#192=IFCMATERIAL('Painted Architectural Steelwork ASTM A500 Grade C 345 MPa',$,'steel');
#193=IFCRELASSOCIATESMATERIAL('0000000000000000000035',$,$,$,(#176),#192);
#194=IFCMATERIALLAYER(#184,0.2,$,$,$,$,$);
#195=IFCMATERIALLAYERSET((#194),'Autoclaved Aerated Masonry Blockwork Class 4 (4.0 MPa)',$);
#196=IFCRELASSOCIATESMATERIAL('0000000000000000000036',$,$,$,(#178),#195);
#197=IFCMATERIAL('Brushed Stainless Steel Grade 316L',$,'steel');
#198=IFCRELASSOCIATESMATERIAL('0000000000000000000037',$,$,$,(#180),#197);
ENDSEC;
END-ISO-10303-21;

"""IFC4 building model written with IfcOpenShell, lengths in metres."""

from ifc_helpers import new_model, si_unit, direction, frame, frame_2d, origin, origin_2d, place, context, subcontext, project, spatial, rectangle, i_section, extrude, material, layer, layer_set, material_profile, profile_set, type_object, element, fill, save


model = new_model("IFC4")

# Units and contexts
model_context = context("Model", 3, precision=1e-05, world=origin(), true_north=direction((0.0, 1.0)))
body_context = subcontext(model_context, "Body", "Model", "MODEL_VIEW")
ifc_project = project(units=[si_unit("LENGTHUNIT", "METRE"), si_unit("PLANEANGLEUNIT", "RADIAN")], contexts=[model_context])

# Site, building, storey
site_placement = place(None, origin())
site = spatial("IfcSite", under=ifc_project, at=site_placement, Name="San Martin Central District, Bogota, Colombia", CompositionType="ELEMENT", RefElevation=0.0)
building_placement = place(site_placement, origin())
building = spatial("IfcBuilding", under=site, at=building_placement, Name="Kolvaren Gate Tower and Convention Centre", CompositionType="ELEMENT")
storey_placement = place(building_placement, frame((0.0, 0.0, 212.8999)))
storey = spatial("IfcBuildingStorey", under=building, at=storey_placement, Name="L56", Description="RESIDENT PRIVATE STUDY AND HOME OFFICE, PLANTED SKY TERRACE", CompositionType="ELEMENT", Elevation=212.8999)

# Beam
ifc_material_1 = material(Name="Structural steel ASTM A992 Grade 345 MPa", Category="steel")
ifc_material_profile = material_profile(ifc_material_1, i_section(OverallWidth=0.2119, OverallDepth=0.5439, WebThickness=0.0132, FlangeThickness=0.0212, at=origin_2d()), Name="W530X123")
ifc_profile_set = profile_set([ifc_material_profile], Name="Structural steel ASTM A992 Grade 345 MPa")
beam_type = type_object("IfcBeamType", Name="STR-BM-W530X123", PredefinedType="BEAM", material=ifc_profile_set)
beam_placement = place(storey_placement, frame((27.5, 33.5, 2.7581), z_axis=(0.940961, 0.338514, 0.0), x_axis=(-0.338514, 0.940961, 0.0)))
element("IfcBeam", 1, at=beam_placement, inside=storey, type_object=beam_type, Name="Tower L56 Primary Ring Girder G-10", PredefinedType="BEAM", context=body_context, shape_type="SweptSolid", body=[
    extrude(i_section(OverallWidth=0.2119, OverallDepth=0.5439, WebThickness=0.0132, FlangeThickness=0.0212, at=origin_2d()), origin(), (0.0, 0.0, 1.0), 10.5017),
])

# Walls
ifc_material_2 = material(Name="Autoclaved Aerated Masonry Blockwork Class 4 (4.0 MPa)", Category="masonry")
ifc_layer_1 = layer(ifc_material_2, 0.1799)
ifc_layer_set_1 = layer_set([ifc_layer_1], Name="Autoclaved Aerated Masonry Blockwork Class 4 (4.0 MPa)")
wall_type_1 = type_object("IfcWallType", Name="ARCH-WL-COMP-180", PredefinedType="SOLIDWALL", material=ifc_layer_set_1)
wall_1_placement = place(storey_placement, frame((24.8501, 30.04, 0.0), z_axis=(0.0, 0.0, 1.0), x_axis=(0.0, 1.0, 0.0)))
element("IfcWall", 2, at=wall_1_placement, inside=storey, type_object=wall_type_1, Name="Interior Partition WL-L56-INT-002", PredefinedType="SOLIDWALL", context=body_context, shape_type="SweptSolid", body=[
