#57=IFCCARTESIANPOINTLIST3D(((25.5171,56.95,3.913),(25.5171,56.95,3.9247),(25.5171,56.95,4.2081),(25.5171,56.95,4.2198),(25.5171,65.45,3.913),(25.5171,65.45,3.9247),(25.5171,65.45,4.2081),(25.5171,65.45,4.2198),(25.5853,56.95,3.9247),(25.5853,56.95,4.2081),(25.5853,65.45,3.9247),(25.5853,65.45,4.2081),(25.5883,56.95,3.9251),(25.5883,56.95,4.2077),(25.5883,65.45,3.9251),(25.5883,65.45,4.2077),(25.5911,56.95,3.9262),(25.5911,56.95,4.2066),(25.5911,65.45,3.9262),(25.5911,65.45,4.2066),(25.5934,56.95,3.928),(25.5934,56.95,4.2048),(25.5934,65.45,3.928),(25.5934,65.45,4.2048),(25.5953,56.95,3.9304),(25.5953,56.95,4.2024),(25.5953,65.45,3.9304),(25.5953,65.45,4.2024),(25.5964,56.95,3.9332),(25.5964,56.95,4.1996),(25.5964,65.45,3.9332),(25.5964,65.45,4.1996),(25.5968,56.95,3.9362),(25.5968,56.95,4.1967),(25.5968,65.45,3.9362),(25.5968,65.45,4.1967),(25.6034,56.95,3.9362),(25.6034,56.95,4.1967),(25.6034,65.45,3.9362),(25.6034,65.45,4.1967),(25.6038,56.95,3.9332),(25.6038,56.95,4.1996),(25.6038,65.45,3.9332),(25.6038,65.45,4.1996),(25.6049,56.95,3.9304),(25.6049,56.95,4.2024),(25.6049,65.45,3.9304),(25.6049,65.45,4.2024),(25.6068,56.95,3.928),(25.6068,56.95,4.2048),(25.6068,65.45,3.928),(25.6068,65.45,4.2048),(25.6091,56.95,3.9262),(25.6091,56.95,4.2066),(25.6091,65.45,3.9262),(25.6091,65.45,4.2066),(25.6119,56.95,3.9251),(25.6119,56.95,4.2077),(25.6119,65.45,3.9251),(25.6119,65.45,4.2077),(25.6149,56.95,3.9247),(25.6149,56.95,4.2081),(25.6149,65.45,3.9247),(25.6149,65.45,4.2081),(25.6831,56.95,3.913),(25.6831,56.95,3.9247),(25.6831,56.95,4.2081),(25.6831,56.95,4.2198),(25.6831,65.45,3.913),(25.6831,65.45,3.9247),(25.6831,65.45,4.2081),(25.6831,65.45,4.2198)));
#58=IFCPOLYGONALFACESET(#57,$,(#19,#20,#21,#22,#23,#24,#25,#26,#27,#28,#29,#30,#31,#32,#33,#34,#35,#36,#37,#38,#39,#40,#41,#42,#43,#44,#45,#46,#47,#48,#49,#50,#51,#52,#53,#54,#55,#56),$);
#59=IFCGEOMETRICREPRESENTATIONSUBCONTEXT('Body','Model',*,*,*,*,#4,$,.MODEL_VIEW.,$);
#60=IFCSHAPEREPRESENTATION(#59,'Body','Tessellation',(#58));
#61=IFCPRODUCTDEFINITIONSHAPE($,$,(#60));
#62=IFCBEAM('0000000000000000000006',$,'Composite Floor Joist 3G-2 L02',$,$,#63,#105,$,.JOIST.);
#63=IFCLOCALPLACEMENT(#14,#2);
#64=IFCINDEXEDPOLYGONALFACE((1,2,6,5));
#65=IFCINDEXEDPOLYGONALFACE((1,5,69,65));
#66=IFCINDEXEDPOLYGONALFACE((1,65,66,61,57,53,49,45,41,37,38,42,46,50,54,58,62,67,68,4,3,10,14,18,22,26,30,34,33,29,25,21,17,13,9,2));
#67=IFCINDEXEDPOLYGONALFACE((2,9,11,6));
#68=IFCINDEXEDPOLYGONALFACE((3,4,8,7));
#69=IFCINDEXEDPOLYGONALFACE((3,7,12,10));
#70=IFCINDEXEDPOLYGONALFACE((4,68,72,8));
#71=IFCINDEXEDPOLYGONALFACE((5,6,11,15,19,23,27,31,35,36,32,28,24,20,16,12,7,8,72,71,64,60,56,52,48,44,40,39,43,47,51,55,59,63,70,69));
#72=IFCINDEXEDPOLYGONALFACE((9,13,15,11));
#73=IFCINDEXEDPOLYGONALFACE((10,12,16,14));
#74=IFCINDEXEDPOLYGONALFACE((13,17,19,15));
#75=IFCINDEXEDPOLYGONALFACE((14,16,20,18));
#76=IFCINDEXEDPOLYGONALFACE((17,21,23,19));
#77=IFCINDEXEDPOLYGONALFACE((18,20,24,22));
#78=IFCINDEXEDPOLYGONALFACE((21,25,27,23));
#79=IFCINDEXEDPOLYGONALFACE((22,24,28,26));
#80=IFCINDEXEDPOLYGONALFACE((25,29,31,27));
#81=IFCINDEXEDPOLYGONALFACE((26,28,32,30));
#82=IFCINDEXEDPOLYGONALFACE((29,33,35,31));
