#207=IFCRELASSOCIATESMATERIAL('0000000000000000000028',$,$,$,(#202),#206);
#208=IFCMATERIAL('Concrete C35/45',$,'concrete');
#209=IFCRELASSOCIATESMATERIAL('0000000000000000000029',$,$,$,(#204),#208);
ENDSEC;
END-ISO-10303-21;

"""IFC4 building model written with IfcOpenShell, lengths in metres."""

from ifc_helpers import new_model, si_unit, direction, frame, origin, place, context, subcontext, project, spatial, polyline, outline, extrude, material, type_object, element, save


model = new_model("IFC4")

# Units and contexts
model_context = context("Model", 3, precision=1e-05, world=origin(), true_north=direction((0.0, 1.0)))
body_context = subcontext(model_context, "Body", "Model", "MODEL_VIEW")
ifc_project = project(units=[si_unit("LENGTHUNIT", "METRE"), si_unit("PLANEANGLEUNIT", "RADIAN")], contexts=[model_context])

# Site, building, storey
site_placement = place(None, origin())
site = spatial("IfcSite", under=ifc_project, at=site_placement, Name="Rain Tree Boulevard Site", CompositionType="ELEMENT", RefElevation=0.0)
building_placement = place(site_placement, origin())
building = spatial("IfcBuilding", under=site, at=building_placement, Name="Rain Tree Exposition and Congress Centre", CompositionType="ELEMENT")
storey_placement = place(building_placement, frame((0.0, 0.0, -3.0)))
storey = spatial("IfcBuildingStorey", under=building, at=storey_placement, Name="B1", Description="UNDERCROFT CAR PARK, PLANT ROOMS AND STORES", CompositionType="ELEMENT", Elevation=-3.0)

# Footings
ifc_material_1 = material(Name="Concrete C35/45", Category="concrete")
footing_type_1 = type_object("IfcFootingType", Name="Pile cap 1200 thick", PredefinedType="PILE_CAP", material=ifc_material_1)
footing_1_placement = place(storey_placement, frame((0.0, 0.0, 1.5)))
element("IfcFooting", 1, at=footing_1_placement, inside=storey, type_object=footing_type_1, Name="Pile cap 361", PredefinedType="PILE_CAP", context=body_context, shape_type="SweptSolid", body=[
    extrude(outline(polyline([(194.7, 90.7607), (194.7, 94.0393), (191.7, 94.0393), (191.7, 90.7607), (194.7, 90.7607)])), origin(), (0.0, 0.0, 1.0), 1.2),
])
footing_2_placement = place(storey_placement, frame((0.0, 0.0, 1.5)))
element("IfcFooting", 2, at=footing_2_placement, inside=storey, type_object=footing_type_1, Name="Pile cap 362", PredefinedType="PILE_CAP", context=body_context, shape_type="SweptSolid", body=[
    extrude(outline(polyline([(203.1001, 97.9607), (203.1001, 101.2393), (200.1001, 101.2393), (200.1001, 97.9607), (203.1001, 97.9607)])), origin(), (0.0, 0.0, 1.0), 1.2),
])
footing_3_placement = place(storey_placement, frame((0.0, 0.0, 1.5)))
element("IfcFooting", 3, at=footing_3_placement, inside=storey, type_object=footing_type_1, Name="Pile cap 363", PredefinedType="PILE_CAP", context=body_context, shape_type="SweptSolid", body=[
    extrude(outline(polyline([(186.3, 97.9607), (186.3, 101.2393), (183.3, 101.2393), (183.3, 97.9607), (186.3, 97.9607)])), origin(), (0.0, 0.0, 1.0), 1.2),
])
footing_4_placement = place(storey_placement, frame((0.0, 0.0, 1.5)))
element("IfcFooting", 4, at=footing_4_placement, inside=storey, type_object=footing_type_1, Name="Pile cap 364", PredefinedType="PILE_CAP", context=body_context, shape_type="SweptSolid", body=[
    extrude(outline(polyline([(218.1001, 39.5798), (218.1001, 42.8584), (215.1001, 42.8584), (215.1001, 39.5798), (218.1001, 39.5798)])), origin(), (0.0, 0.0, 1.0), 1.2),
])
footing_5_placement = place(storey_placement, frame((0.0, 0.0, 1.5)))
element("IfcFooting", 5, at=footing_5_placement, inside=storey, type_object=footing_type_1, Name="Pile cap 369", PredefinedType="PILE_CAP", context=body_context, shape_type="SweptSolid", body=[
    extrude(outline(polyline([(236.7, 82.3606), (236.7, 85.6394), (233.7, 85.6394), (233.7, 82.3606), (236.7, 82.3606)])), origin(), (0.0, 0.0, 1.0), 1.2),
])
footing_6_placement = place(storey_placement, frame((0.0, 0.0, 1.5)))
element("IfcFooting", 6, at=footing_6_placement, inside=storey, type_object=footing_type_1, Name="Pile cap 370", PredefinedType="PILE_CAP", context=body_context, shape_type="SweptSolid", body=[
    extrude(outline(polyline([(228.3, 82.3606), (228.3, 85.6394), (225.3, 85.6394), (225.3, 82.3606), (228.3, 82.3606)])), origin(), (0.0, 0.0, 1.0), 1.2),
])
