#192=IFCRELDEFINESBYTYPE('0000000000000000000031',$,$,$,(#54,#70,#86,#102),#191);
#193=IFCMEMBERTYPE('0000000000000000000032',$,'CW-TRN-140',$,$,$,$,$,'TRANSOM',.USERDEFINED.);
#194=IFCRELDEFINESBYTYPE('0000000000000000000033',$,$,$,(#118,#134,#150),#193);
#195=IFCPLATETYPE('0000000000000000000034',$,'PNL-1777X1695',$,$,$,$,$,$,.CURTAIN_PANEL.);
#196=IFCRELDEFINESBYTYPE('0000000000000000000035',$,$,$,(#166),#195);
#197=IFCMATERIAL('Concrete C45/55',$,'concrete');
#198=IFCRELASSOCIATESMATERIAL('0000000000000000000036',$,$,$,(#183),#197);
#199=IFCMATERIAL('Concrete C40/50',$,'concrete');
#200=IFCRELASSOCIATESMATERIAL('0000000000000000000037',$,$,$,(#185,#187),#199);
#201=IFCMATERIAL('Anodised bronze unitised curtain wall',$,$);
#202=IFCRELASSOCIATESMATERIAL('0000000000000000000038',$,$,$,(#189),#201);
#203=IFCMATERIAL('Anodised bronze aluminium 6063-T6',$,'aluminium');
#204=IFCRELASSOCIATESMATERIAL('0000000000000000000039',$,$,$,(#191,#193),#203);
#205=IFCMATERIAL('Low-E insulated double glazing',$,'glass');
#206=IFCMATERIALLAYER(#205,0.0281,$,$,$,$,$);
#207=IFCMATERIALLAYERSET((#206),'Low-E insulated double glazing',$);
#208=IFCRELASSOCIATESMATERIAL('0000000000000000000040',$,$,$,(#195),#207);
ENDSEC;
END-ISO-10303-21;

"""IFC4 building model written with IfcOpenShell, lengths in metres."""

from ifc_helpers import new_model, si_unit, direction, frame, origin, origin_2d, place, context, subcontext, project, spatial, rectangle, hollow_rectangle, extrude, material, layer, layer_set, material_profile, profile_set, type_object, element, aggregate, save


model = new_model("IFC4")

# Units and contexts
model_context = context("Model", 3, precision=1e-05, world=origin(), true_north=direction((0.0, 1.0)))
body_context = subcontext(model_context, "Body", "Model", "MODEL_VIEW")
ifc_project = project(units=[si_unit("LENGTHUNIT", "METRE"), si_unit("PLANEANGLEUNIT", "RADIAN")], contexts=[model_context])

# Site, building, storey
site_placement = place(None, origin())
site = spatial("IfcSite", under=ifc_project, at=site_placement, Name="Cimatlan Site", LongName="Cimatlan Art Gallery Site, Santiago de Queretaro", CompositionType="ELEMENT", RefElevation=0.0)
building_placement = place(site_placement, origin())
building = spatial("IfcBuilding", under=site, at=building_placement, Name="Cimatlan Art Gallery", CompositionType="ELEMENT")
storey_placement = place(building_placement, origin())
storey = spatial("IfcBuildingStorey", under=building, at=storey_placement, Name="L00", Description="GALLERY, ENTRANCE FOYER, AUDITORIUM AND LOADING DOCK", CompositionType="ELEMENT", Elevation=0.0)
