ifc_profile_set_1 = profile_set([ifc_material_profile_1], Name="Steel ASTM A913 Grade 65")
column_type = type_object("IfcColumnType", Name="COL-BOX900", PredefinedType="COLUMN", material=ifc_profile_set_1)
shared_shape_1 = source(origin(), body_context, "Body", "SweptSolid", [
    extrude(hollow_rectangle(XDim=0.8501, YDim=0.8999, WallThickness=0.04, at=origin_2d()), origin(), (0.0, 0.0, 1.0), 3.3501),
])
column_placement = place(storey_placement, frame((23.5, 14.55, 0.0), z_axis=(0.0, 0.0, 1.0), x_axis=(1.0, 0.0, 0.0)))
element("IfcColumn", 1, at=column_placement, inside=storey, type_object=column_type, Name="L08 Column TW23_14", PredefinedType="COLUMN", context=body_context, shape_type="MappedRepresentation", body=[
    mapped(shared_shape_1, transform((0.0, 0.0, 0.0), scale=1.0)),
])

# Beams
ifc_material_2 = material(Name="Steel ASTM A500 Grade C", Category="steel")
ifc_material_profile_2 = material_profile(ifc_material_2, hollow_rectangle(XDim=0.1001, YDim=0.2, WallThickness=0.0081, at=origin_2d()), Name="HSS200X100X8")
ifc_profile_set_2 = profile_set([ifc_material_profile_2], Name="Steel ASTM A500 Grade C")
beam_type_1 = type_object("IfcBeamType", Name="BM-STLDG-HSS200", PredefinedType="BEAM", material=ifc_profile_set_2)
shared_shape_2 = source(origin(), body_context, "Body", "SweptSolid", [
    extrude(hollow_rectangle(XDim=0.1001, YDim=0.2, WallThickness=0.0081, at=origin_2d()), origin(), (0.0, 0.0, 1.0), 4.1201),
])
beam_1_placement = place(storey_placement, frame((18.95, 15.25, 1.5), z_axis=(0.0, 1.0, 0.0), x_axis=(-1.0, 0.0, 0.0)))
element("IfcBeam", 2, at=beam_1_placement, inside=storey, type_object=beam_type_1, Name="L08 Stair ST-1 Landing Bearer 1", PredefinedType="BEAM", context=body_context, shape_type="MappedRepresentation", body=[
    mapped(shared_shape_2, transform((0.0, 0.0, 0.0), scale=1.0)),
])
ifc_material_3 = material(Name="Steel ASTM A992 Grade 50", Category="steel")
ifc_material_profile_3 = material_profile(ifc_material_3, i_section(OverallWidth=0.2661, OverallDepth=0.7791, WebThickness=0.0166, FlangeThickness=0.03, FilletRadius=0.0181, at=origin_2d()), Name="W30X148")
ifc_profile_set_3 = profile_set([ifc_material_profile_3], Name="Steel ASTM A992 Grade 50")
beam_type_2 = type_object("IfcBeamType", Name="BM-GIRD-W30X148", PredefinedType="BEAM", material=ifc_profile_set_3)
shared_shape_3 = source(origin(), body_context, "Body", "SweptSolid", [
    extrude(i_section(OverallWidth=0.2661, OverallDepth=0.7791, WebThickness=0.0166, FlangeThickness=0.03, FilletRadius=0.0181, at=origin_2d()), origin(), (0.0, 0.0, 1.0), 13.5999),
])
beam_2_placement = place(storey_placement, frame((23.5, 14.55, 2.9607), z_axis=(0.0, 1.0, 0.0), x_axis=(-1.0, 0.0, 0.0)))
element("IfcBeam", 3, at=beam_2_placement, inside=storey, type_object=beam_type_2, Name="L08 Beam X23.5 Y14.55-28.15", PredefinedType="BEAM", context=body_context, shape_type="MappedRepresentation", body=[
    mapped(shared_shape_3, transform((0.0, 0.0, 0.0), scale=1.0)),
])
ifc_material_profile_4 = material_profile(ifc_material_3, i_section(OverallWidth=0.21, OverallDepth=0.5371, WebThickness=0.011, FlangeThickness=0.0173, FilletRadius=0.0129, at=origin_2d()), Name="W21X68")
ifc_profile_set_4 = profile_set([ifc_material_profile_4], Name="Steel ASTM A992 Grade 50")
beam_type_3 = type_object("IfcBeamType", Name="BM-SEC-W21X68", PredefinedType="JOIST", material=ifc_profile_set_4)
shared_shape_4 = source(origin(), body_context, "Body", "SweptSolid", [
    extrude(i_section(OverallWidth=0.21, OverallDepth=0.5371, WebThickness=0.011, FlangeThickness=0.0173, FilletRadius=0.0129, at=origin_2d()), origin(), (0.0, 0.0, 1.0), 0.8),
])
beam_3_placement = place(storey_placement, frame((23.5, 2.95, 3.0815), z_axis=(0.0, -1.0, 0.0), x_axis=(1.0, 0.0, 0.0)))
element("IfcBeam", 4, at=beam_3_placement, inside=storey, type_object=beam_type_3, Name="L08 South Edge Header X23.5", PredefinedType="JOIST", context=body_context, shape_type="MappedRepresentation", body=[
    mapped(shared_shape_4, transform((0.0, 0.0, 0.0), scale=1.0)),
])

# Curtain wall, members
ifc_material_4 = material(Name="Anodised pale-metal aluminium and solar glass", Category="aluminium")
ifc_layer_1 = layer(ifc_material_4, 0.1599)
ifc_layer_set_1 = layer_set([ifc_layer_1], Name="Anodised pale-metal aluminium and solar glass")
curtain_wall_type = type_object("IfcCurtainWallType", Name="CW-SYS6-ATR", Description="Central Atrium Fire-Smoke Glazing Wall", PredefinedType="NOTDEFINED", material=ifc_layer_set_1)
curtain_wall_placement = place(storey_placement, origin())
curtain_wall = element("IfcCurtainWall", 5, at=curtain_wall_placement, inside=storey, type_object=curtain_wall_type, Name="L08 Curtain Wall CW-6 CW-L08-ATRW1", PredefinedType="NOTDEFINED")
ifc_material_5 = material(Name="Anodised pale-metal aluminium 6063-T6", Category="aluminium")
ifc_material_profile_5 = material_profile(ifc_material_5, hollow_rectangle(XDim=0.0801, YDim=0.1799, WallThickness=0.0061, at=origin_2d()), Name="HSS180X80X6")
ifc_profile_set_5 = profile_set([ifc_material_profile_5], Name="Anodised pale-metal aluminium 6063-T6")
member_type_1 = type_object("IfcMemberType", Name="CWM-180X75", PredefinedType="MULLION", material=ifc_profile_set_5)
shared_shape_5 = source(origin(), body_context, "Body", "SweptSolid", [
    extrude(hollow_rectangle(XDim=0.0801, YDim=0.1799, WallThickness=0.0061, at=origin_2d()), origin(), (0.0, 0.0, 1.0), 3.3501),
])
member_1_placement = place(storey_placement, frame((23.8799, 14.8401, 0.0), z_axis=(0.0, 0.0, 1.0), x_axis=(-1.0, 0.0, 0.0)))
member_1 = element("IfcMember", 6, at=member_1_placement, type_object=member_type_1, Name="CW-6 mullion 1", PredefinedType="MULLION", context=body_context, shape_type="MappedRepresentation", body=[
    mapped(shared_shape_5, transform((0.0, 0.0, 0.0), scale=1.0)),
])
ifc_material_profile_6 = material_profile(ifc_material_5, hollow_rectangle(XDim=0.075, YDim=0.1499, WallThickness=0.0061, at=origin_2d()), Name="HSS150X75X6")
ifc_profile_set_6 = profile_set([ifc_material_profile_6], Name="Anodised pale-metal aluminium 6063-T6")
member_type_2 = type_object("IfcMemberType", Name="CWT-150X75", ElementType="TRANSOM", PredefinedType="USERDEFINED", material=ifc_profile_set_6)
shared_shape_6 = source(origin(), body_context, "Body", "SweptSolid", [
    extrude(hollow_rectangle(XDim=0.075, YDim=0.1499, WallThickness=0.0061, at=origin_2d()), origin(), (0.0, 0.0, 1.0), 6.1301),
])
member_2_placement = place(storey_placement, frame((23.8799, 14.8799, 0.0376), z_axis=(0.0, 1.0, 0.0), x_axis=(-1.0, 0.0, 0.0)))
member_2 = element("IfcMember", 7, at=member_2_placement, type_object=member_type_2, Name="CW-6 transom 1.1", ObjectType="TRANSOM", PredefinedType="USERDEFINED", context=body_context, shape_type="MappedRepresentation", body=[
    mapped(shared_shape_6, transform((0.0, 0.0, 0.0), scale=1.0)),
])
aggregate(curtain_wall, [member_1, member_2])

*-*-*

### What the exercise asks
Look through the entries above. Copy each line in which the string "IFCMATERIALLAYERSET" occurs.

### Output of the exercise
#195=IFCMATERIALLAYERSET((#194),'Autoclaved Aerated Masonry Blockwork Class 4 (4.0 MPa)',$);
#207=IFCMATERIALLAYERSET((#206),'Low-E insulated double glazing',$);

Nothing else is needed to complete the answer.